_Stored data_

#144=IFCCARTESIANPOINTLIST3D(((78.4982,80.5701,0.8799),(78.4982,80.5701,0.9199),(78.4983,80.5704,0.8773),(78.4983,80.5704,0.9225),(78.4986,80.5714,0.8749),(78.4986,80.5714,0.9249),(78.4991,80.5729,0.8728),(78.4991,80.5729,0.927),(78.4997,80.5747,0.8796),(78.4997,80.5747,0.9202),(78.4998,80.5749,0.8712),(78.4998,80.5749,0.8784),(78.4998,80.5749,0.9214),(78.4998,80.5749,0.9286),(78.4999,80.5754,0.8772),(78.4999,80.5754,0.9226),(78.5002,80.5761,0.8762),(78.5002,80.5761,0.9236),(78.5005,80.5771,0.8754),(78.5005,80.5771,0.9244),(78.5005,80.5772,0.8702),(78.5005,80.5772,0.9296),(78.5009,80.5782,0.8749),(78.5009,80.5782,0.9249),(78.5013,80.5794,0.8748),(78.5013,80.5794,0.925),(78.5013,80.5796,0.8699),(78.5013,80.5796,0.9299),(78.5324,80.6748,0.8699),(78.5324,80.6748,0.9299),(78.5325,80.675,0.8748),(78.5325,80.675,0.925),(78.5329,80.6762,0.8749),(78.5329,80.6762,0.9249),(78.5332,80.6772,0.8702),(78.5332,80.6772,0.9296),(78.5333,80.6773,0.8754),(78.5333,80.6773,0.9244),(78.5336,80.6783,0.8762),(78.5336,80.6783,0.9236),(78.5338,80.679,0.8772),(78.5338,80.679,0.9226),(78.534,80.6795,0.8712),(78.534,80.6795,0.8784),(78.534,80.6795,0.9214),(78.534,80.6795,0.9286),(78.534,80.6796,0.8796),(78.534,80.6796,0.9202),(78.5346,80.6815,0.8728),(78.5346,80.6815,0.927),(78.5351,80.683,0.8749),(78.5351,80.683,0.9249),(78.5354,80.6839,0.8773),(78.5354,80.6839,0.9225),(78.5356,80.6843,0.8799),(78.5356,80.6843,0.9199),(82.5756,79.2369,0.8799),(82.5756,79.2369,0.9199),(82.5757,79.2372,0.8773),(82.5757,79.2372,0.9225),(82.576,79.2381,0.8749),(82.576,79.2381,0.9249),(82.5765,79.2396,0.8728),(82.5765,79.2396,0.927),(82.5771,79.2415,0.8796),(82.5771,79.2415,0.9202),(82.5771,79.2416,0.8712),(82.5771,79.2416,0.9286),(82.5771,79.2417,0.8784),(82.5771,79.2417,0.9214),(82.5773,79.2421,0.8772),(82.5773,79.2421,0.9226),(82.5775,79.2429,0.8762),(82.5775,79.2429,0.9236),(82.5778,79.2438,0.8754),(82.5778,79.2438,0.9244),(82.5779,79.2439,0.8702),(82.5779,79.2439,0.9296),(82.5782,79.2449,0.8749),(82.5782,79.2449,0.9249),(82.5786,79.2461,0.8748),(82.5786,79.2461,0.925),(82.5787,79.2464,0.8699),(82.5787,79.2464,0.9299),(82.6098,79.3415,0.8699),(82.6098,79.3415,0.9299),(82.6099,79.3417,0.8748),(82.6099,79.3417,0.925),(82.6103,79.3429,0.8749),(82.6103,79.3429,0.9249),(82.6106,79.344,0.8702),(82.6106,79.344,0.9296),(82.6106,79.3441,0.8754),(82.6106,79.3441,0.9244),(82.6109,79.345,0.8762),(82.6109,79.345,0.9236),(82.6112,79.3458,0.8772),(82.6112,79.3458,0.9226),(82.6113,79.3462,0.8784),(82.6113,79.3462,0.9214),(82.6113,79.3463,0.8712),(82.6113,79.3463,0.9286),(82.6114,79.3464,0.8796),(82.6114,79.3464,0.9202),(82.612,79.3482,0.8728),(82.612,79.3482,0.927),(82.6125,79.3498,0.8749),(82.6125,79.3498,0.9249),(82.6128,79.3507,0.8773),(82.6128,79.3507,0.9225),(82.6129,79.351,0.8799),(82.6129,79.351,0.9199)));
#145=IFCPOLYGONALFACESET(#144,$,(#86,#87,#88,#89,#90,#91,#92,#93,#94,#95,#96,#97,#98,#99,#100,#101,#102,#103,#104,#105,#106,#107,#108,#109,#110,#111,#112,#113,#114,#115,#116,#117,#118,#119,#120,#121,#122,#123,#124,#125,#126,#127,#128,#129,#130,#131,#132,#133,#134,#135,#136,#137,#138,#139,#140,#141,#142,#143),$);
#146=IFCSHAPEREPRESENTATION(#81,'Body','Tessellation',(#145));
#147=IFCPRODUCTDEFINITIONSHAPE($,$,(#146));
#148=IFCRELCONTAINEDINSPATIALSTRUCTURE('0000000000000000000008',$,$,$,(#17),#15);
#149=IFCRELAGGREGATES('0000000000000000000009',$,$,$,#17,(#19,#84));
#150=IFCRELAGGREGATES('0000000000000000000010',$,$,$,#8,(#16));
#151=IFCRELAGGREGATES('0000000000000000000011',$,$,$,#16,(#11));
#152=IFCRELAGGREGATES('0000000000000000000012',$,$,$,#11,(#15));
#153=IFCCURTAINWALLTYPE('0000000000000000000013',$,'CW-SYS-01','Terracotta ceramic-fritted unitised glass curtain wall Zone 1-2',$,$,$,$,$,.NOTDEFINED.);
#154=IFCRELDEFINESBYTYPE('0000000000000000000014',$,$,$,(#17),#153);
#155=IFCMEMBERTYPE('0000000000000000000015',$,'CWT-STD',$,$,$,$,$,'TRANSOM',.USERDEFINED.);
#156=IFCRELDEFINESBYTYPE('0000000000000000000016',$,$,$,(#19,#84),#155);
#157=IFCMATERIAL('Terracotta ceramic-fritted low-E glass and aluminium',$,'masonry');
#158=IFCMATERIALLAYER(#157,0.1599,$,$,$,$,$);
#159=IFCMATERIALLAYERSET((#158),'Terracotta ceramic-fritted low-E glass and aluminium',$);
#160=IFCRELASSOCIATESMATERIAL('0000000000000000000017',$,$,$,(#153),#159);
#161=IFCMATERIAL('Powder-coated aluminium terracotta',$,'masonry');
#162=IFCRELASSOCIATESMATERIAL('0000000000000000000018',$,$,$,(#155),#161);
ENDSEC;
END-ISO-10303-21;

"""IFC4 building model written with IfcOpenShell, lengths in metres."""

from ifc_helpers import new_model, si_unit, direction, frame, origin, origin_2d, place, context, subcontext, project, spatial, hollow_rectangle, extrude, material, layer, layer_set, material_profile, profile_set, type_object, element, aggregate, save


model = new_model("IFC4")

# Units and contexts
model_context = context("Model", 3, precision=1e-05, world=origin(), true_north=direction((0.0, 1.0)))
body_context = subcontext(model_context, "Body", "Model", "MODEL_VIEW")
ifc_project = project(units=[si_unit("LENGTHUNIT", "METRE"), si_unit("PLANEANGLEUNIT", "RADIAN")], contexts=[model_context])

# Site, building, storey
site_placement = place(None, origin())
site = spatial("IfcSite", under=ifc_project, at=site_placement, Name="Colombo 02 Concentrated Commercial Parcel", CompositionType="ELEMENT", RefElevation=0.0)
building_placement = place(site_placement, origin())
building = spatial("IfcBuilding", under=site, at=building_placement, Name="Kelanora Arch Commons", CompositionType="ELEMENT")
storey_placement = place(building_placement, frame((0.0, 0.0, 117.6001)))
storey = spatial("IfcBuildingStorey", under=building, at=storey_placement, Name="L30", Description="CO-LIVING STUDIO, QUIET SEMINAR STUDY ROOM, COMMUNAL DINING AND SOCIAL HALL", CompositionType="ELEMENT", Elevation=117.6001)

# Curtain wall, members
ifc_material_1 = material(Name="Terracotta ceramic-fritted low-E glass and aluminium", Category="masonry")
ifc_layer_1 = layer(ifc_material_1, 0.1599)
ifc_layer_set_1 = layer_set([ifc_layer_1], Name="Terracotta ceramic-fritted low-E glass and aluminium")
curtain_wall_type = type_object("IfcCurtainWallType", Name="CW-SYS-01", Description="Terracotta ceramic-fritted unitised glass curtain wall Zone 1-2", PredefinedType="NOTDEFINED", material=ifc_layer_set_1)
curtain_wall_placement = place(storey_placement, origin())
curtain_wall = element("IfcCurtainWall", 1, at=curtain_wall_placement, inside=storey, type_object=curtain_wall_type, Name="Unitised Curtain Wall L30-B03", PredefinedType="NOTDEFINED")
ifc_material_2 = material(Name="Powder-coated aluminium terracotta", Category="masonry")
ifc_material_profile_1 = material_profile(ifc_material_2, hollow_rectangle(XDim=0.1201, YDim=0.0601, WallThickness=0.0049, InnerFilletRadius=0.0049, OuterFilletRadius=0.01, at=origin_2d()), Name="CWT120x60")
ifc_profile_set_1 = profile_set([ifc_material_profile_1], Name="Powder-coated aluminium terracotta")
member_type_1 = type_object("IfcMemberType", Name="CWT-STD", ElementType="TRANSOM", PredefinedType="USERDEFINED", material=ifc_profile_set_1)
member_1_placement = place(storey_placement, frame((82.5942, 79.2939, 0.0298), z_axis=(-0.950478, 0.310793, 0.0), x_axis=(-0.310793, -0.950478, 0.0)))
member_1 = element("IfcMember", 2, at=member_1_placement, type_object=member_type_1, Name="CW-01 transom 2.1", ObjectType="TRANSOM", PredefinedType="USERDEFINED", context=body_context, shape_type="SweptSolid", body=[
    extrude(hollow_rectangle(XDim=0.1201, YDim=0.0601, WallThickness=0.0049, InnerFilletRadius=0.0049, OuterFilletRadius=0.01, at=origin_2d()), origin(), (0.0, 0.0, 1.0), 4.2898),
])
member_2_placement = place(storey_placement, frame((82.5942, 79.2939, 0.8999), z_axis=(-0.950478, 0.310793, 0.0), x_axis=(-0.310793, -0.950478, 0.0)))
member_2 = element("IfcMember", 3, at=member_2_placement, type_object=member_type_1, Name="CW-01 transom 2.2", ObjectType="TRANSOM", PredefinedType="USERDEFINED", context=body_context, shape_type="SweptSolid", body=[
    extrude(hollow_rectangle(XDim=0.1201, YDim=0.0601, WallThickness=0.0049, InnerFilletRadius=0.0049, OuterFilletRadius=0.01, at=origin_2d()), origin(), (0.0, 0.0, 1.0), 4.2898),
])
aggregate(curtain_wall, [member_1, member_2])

...

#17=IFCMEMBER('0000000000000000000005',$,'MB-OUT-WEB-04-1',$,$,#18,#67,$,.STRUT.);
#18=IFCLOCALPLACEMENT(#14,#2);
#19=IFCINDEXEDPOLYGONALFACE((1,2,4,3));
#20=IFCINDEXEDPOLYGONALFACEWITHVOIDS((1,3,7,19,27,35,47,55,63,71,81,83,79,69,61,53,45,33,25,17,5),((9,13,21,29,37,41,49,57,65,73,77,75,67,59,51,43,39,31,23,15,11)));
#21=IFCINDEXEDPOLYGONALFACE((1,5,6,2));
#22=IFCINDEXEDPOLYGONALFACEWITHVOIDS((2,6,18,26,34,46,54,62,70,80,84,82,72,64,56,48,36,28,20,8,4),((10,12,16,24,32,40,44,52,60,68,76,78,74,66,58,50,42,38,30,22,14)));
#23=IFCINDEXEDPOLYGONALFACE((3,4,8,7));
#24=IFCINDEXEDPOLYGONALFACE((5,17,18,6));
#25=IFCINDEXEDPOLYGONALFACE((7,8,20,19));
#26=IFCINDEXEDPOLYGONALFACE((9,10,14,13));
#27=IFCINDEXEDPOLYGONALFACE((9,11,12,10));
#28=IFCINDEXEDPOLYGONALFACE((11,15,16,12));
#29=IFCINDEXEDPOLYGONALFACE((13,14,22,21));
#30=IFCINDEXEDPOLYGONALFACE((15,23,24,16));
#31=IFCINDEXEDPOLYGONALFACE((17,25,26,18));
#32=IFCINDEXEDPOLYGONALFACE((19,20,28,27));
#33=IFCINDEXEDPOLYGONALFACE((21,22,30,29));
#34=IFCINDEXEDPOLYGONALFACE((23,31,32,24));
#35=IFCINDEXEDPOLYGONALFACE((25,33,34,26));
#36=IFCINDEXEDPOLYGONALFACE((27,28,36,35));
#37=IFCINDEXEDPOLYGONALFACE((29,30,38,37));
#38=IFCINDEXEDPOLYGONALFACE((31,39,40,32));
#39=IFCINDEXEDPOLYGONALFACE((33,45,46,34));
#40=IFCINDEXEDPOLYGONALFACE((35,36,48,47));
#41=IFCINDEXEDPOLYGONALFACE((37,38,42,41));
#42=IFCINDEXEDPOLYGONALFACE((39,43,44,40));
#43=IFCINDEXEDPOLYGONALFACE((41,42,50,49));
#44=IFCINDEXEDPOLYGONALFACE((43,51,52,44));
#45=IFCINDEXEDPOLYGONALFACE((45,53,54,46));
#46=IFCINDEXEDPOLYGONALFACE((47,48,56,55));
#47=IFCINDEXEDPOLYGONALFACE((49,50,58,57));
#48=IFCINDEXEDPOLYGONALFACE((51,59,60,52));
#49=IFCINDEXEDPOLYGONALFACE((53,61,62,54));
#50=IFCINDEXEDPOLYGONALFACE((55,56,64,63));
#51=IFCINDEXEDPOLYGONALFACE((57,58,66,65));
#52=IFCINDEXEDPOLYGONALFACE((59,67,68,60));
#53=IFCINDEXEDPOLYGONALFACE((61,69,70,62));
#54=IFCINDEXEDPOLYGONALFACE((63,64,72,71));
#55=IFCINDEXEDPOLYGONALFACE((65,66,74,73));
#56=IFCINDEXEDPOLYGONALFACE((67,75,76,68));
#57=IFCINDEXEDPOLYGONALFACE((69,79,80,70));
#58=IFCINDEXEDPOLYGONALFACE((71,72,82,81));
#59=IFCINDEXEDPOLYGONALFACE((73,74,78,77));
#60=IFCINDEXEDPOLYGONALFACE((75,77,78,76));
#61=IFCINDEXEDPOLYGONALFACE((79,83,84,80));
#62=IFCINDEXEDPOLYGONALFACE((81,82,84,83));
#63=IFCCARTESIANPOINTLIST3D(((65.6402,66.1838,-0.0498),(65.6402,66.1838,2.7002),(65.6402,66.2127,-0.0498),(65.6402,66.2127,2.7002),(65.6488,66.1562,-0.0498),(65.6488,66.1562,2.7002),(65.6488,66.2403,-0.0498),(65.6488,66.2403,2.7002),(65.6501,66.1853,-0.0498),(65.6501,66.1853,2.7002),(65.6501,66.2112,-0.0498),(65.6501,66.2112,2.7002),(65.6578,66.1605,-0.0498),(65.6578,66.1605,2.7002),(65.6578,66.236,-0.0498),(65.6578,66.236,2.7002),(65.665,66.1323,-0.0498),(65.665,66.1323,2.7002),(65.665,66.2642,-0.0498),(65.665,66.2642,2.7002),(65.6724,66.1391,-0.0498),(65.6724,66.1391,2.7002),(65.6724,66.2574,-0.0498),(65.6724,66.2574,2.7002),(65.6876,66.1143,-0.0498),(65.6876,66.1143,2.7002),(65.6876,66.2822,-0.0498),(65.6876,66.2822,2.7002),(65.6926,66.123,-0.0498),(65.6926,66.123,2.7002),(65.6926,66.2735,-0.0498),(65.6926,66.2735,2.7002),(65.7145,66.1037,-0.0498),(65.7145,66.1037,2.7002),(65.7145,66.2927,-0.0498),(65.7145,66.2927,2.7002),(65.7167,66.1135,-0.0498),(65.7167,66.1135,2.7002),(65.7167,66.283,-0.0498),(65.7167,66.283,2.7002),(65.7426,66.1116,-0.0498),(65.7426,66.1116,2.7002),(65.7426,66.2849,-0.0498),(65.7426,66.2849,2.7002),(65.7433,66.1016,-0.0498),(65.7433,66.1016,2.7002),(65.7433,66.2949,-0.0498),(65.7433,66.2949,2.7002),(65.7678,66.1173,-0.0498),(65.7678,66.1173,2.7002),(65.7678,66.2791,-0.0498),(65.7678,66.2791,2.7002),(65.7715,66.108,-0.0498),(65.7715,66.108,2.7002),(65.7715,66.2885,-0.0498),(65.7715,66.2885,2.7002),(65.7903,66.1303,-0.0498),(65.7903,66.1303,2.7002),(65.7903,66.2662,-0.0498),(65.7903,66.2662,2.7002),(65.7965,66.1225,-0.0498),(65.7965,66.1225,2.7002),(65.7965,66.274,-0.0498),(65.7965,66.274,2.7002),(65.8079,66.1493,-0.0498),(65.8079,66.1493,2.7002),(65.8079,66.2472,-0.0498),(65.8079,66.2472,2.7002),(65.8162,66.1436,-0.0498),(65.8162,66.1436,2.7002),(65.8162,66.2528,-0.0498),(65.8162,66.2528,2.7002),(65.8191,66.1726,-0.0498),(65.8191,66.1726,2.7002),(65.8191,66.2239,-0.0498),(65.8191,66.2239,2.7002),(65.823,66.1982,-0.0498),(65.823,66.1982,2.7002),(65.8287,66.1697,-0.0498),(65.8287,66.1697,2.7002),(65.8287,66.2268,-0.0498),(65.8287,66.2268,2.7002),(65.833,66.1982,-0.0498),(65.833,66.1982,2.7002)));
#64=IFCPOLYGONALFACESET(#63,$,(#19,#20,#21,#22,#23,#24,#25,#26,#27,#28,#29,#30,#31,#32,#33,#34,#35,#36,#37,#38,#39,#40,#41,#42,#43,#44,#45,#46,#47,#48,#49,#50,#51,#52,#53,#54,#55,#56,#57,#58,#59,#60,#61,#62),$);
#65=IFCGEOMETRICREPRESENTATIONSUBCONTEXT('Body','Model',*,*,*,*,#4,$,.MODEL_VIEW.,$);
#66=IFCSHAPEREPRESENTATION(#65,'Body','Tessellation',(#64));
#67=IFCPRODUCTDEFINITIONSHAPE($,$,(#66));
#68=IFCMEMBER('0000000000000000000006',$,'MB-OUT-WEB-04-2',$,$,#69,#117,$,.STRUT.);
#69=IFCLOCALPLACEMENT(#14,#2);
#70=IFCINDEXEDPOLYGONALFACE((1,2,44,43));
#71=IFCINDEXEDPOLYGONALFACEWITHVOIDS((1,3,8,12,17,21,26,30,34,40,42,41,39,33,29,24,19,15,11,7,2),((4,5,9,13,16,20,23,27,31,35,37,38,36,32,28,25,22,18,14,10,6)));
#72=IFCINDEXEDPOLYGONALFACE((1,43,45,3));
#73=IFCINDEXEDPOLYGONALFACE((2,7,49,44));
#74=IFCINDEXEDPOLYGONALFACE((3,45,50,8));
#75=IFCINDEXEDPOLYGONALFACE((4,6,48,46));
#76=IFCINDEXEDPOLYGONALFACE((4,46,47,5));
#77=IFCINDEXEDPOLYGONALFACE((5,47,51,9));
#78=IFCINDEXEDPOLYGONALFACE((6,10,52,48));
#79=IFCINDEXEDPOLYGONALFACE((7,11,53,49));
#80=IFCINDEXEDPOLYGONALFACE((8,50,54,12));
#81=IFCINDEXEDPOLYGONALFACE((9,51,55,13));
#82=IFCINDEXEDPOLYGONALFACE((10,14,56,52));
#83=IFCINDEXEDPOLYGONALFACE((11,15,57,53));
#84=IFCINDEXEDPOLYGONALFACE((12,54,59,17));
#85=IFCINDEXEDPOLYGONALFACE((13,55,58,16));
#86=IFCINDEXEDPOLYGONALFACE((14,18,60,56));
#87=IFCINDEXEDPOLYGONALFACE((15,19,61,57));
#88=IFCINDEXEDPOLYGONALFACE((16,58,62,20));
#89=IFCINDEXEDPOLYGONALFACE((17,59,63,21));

_Exercise instructions_
In the data above, start at the line that has "#53=IFCINDEXEDPOLYGONALFACE((61,69,70,62));", stop after the line that has "#58=IFCINDEXEDPOLYGONALFACE((71,72,82,81));", and print every line in between exactly as it stands.

_Result for this task_
#53=IFCINDEXEDPOLYGONALFACE((61,69,70,62));
#54=IFCINDEXEDPOLYGONALFACE((63,64,72,71));
#55=IFCINDEXEDPOLYGONALFACE((65,66,74,73));
#56=IFCINDEXEDPOLYGONALFACE((67,75,76,68));
#57=IFCINDEXEDPOLYGONALFACE((69,79,80,70));
#58=IFCINDEXEDPOLYGONALFACE((71,72,82,81));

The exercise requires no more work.